→ Task objective
Each line from the beginning of the entries below through the line that includes "#119=IFCINDEXEDPOLYGONALFACE((1,2,4,3));" must be returned exactly as given.

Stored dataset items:
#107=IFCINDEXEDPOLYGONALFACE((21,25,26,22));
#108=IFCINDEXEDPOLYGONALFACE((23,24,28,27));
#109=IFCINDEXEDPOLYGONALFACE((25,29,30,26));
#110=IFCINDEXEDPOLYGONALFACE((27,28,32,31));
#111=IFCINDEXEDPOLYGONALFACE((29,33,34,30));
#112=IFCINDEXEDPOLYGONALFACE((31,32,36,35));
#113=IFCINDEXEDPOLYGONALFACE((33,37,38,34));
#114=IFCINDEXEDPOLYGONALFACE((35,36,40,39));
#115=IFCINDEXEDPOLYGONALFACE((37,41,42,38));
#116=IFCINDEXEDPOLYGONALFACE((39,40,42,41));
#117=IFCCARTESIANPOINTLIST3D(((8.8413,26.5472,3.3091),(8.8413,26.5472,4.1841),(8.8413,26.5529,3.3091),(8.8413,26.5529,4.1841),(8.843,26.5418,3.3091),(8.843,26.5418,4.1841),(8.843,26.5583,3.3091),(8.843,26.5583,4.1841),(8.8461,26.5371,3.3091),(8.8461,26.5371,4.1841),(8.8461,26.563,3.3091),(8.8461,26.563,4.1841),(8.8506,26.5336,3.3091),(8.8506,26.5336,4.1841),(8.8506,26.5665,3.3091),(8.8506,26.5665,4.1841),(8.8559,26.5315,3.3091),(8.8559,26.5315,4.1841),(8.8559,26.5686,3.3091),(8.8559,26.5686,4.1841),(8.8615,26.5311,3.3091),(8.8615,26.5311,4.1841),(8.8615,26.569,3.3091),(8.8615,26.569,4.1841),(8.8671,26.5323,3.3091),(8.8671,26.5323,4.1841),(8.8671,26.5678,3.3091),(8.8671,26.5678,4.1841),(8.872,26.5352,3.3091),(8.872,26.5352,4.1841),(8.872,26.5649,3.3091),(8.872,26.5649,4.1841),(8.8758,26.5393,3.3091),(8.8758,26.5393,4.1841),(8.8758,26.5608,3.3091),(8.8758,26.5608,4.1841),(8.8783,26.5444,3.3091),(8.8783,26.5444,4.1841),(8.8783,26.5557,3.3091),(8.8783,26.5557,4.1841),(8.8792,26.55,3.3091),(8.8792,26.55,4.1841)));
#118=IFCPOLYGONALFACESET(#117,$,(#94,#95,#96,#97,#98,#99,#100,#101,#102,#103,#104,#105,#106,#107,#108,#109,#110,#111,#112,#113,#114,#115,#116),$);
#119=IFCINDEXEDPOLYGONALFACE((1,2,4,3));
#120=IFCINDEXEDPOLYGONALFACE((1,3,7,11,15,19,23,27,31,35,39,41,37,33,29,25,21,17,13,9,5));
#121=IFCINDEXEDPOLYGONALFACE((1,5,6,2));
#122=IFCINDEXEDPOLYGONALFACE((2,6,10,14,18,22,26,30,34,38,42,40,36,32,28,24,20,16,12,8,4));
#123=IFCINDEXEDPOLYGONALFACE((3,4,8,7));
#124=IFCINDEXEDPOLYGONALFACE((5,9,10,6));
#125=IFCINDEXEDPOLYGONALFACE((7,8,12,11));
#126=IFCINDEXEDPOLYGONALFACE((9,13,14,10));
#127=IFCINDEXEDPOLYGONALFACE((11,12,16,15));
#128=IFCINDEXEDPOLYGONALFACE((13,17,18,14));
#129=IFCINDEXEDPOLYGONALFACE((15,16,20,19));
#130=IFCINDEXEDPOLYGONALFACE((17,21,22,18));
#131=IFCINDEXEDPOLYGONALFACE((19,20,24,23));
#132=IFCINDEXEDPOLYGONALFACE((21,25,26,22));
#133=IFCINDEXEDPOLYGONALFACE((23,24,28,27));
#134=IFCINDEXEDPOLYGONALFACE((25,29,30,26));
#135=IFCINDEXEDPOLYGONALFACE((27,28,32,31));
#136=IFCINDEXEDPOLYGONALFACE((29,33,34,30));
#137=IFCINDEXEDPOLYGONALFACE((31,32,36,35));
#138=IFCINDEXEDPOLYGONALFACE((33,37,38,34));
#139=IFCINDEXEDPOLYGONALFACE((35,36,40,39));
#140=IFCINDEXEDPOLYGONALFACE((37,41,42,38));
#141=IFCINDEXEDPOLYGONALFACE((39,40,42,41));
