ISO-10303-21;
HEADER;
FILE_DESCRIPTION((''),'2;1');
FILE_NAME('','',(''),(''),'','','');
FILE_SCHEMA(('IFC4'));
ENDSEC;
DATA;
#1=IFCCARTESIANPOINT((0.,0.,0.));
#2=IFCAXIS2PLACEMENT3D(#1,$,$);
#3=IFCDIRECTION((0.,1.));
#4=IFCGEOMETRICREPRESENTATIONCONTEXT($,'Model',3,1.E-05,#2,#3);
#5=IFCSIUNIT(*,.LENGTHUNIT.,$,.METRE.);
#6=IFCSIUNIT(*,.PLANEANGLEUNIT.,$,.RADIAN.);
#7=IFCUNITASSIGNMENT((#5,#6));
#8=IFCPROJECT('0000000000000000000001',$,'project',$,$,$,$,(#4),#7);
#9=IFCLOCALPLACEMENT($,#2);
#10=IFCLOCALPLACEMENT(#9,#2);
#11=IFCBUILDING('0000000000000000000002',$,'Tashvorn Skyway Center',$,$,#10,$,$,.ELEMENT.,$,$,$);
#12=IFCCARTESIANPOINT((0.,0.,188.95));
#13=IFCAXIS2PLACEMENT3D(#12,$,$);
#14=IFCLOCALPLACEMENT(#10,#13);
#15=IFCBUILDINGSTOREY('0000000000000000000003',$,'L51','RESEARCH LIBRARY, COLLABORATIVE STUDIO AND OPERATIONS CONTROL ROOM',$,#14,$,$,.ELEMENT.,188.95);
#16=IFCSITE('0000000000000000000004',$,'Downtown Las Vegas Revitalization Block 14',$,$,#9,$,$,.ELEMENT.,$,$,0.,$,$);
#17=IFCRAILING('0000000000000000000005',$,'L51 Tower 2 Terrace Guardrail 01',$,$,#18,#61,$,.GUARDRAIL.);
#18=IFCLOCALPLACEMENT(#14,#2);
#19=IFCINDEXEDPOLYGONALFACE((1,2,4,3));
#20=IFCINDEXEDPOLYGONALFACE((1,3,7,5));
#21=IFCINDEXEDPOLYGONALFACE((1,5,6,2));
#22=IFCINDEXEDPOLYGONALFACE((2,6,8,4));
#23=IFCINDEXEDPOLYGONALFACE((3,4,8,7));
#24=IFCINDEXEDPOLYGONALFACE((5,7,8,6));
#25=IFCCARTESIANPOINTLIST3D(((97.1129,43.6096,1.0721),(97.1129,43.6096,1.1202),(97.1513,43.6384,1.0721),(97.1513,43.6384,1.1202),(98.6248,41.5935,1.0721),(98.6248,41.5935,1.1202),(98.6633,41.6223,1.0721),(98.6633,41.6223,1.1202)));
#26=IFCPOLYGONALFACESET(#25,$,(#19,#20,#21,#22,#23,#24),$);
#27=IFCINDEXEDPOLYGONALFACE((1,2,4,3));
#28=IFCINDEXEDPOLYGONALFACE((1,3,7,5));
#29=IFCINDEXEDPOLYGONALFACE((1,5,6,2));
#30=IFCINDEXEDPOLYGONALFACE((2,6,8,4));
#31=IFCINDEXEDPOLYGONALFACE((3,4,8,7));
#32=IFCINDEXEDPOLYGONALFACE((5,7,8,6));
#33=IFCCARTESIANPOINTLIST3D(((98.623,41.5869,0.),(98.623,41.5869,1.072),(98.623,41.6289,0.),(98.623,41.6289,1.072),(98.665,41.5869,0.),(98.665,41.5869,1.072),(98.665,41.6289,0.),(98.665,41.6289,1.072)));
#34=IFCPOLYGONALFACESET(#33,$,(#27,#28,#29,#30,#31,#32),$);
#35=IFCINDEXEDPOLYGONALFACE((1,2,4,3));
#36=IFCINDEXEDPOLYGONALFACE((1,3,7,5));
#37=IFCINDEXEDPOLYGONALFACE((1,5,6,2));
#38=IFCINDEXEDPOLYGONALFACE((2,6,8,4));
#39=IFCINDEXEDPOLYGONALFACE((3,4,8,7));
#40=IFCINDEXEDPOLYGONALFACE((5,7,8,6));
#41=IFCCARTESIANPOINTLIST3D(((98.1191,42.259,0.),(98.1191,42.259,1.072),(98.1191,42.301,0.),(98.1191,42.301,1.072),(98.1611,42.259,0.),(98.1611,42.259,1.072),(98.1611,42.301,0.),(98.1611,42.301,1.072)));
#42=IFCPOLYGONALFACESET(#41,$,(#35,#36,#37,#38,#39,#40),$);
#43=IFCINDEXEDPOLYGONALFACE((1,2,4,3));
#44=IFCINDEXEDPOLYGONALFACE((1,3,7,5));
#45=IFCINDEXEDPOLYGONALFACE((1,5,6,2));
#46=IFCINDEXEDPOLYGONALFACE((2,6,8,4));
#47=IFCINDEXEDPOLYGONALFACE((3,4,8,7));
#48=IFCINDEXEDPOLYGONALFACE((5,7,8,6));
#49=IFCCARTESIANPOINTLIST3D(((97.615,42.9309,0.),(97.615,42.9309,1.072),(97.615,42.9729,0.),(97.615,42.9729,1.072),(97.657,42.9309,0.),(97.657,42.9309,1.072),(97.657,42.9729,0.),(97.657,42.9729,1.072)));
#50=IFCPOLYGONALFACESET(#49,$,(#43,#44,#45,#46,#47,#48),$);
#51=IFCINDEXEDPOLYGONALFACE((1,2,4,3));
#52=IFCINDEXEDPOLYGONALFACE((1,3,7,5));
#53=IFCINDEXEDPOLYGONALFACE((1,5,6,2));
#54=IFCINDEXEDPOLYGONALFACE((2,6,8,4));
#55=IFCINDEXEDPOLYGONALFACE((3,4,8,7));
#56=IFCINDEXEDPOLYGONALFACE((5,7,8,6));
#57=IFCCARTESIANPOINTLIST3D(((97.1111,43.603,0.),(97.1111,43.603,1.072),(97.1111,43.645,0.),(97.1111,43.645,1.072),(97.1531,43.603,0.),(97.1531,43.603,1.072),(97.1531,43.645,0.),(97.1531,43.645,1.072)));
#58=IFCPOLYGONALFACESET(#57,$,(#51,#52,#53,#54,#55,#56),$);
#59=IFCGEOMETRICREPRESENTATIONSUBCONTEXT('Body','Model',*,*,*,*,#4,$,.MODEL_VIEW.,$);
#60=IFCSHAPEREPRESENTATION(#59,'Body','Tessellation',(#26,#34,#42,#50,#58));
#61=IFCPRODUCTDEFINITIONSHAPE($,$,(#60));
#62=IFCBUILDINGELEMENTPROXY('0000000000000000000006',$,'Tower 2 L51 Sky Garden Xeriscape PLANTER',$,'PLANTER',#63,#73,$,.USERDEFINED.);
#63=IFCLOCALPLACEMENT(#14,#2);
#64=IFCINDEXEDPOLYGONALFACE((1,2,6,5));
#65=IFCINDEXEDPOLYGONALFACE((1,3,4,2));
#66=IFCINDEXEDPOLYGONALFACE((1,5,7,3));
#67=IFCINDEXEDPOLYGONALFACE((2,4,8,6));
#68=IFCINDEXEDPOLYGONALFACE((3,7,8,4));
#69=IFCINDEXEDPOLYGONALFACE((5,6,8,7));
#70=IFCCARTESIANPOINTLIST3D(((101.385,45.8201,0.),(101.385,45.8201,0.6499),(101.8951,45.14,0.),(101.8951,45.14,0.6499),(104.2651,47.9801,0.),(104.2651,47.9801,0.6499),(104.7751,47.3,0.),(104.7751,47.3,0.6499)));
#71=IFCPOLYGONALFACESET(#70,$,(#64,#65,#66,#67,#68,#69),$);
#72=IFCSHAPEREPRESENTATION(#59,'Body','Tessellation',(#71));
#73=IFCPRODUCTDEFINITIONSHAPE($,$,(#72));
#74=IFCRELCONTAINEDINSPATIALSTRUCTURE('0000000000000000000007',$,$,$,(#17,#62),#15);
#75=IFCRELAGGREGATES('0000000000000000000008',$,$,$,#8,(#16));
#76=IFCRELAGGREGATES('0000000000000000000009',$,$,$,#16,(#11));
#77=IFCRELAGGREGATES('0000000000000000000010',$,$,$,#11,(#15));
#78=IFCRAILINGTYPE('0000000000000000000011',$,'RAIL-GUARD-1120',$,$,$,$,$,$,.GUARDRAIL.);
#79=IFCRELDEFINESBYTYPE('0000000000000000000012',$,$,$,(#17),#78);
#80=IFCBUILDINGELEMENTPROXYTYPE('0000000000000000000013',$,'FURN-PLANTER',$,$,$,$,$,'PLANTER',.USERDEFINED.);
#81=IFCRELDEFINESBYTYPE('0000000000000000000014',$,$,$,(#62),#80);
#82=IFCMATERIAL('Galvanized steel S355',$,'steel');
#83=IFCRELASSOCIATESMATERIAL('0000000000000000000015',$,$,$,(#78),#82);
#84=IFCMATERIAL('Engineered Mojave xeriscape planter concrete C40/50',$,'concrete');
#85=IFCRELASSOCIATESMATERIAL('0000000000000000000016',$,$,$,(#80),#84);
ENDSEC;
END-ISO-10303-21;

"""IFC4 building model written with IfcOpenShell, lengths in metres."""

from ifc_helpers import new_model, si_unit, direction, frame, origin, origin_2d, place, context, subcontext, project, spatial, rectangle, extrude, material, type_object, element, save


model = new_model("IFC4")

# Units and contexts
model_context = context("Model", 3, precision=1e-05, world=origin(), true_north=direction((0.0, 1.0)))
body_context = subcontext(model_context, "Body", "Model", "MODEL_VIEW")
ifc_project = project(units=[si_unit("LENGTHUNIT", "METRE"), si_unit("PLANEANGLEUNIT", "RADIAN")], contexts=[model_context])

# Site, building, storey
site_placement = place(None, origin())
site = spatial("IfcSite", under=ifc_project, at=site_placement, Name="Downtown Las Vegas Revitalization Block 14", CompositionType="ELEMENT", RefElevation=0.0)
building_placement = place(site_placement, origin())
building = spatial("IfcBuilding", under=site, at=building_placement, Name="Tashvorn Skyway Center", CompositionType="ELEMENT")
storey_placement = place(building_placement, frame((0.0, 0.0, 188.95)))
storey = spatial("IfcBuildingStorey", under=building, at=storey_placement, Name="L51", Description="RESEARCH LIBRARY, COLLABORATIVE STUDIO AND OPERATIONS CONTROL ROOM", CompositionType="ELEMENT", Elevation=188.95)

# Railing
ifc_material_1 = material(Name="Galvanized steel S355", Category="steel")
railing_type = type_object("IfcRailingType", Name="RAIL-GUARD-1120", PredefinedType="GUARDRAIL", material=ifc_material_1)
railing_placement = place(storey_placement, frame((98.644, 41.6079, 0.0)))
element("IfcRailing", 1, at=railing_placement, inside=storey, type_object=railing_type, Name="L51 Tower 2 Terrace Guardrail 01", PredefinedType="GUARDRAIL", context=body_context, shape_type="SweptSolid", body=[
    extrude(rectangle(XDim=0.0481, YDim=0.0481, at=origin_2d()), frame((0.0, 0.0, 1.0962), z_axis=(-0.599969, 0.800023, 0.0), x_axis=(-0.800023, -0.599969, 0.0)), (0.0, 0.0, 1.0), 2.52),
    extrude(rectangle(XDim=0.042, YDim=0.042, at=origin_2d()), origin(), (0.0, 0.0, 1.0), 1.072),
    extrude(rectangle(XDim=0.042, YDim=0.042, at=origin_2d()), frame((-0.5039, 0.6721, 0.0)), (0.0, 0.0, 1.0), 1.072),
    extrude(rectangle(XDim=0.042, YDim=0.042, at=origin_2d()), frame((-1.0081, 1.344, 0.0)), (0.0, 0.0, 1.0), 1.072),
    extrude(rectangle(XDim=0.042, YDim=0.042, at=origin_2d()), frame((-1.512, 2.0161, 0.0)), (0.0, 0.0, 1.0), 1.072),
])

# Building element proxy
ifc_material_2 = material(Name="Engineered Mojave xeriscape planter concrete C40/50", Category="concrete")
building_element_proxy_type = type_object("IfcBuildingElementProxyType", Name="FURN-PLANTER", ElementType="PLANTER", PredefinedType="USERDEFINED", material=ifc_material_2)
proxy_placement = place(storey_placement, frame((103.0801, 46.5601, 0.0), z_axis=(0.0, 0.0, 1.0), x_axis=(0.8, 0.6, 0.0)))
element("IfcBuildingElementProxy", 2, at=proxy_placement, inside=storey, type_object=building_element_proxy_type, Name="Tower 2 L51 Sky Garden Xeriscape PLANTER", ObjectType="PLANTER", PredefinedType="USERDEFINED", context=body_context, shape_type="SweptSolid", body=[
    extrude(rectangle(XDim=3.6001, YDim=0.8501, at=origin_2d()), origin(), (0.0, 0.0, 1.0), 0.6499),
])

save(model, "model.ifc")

→ Exercise answer
#107=IFCINDEXEDPOLYGONALFACE((21,25,26,22));
#108=IFCINDEXEDPOLYGONALFACE((23,24,28,27));
#109=IFCINDEXEDPOLYGONALFACE((25,29,30,26));
#110=IFCINDEXEDPOLYGONALFACE((27,28,32,31));
#111=IFCINDEXEDPOLYGONALFACE((29,33,34,30));
#112=IFCINDEXEDPOLYGONALFACE((31,32,36,35));
#113=IFCINDEXEDPOLYGONALFACE((33,37,38,34));
#114=IFCINDEXEDPOLYGONALFACE((35,36,40,39));
#115=IFCINDEXEDPOLYGONALFACE((37,41,42,38));
#116=IFCINDEXEDPOLYGONALFACE((39,40,42,41));
#117=IFCCARTESIANPOINTLIST3D(((8.8413,26.5472,3.3091),(8.8413,26.5472,4.1841),(8.8413,26.5529,3.3091),(8.8413,26.5529,4.1841),(8.843,26.5418,3.3091),(8.843,26.5418,4.1841),(8.843,26.5583,3.3091),(8.843,26.5583,4.1841),(8.8461,26.5371,3.3091),(8.8461,26.5371,4.1841),(8.8461,26.563,3.3091),(8.8461,26.563,4.1841),(8.8506,26.5336,3.3091),(8.8506,26.5336,4.1841),(8.8506,26.5665,3.3091),(8.8506,26.5665,4.1841),(8.8559,26.5315,3.3091),(8.8559,26.5315,4.1841),(8.8559,26.5686,3.3091),(8.8559,26.5686,4.1841),(8.8615,26.5311,3.3091),(8.8615,26.5311,4.1841),(8.8615,26.569,3.3091),(8.8615,26.569,4.1841),(8.8671,26.5323,3.3091),(8.8671,26.5323,4.1841),(8.8671,26.5678,3.3091),(8.8671,26.5678,4.1841),(8.872,26.5352,3.3091),(8.872,26.5352,4.1841),(8.872,26.5649,3.3091),(8.872,26.5649,4.1841),(8.8758,26.5393,3.3091),(8.8758,26.5393,4.1841),(8.8758,26.5608,3.3091),(8.8758,26.5608,4.1841),(8.8783,26.5444,3.3091),(8.8783,26.5444,4.1841),(8.8783,26.5557,3.3091),(8.8783,26.5557,4.1841),(8.8792,26.55,3.3091),(8.8792,26.55,4.1841)));
#118=IFCPOLYGONALFACESET(#117,$,(#94,#95,#96,#97,#98,#99,#100,#101,#102,#103,#104,#105,#106,#107,#108,#109,#110,#111,#112,#113,#114,#115,#116),$);
#119=IFCINDEXEDPOLYGONALFACE((1,2,4,3));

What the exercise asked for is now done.